(Stored items)
=-=-=
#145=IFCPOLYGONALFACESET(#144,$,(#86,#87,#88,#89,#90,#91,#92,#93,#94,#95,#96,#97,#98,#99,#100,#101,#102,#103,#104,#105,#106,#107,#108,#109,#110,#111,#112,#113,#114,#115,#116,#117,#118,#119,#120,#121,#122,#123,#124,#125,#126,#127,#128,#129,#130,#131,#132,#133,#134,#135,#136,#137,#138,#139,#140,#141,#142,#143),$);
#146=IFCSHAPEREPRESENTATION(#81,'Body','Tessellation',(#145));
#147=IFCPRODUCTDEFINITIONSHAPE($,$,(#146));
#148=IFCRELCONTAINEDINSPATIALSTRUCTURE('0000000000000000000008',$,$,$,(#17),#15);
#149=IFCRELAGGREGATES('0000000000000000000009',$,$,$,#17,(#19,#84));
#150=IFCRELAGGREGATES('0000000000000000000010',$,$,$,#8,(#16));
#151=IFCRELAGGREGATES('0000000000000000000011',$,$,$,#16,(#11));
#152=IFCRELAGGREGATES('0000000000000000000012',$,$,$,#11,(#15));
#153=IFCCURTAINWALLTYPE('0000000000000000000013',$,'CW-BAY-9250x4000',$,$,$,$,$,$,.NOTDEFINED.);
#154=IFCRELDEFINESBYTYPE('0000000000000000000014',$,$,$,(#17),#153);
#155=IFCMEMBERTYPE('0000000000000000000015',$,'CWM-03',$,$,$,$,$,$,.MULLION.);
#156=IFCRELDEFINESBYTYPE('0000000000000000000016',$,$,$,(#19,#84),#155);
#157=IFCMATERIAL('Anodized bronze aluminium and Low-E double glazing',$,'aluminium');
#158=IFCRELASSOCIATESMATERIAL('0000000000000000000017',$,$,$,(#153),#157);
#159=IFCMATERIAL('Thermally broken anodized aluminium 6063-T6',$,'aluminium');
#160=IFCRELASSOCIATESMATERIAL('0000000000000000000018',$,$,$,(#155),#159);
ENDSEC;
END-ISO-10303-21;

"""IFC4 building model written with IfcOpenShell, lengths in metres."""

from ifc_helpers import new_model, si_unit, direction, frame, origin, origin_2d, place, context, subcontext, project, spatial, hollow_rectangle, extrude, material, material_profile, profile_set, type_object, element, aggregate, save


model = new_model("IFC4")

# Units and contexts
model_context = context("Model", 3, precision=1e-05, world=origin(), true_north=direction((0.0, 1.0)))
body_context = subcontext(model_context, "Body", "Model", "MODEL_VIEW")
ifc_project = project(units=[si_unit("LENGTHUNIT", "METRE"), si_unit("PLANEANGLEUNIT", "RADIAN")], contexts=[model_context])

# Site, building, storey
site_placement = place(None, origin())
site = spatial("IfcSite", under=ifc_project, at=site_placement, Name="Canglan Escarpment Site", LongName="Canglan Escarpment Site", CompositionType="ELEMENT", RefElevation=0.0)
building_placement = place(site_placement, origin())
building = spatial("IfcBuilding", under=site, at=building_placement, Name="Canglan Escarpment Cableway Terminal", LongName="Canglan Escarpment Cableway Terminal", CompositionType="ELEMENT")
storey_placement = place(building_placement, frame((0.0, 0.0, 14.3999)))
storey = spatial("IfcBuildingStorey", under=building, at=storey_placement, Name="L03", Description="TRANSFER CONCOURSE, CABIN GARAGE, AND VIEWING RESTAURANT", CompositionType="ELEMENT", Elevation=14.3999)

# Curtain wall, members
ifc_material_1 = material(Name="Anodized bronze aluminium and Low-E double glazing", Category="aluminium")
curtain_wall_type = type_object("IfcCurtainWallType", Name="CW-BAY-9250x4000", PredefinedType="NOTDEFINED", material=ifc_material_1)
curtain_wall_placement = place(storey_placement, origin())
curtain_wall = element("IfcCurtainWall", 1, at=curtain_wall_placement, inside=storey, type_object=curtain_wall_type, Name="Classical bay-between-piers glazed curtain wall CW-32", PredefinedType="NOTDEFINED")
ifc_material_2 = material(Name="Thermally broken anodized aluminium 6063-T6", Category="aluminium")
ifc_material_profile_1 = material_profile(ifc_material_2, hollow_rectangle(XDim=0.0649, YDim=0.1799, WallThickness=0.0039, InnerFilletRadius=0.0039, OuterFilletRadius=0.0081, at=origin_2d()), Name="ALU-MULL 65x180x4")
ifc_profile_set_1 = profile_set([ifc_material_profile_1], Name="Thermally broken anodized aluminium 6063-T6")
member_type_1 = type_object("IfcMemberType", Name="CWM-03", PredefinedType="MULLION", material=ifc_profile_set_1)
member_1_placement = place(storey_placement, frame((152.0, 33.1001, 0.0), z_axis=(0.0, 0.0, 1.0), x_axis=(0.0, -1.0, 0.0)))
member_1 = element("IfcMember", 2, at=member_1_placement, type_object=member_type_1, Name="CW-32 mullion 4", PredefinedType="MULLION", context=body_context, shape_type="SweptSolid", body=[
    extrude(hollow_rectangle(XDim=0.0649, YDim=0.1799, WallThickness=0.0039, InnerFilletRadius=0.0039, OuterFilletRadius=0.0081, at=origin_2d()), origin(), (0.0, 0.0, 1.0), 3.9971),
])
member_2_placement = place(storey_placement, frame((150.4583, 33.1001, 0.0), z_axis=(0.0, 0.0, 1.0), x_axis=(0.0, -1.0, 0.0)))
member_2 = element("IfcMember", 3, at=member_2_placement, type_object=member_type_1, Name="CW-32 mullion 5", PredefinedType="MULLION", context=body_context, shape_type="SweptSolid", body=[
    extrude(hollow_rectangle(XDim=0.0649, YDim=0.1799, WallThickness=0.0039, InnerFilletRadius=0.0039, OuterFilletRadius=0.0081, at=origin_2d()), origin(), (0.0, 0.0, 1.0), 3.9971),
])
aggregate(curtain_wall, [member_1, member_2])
=-=-=
Up to and including the line that holds "#147=IFCPRODUCTDEFINITIONSHAPE($,$,(#146));", reproduce the records above exactly from their first line, and give nothing else.

**RESPONSE TO THE TASK:**
#145=IFCPOLYGONALFACESET(#144,$,(#86,#87,#88,#89,#90,#91,#92,#93,#94,#95,#96,#97,#98,#99,#100,#101,#102,#103,#104,#105,#106,#107,#108,#109,#110,#111,#112,#113,#114,#115,#116,#117,#118,#119,#120,#121,#122,#123,#124,#125,#126,#127,#128,#129,#130,#131,#132,#133,#134,#135,#136,#137,#138,#139,#140,#141,#142,#143),$);
#146=IFCSHAPEREPRESENTATION(#81,'Body','Tessellation',(#145));
#147=IFCPRODUCTDEFINITIONSHAPE($,$,(#146));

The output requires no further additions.